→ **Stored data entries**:
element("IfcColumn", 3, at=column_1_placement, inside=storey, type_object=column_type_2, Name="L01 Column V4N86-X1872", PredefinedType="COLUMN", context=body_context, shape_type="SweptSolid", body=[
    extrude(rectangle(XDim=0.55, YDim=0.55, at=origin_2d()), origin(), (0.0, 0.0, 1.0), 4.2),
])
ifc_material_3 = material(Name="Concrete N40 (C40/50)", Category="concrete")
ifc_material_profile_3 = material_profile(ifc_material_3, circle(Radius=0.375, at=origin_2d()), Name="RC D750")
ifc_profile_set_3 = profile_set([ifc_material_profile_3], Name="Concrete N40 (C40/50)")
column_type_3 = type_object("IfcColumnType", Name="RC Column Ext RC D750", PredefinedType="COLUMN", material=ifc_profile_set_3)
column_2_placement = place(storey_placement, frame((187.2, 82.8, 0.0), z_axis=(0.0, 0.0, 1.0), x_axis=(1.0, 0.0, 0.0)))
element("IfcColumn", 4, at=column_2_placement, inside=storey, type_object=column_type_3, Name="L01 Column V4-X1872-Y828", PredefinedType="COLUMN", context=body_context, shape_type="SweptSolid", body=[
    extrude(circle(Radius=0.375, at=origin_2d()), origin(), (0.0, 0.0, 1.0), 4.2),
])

→ **Aim of the task**: Show every line in the entries above that contains the string "Concrete".

→ **Exercise output**:
ifc_material_3 = material(Name="Concrete N40 (C40/50)", Category="concrete")
ifc_profile_set_3 = profile_set([ifc_material_profile_3], Name="Concrete N40 (C40/50)")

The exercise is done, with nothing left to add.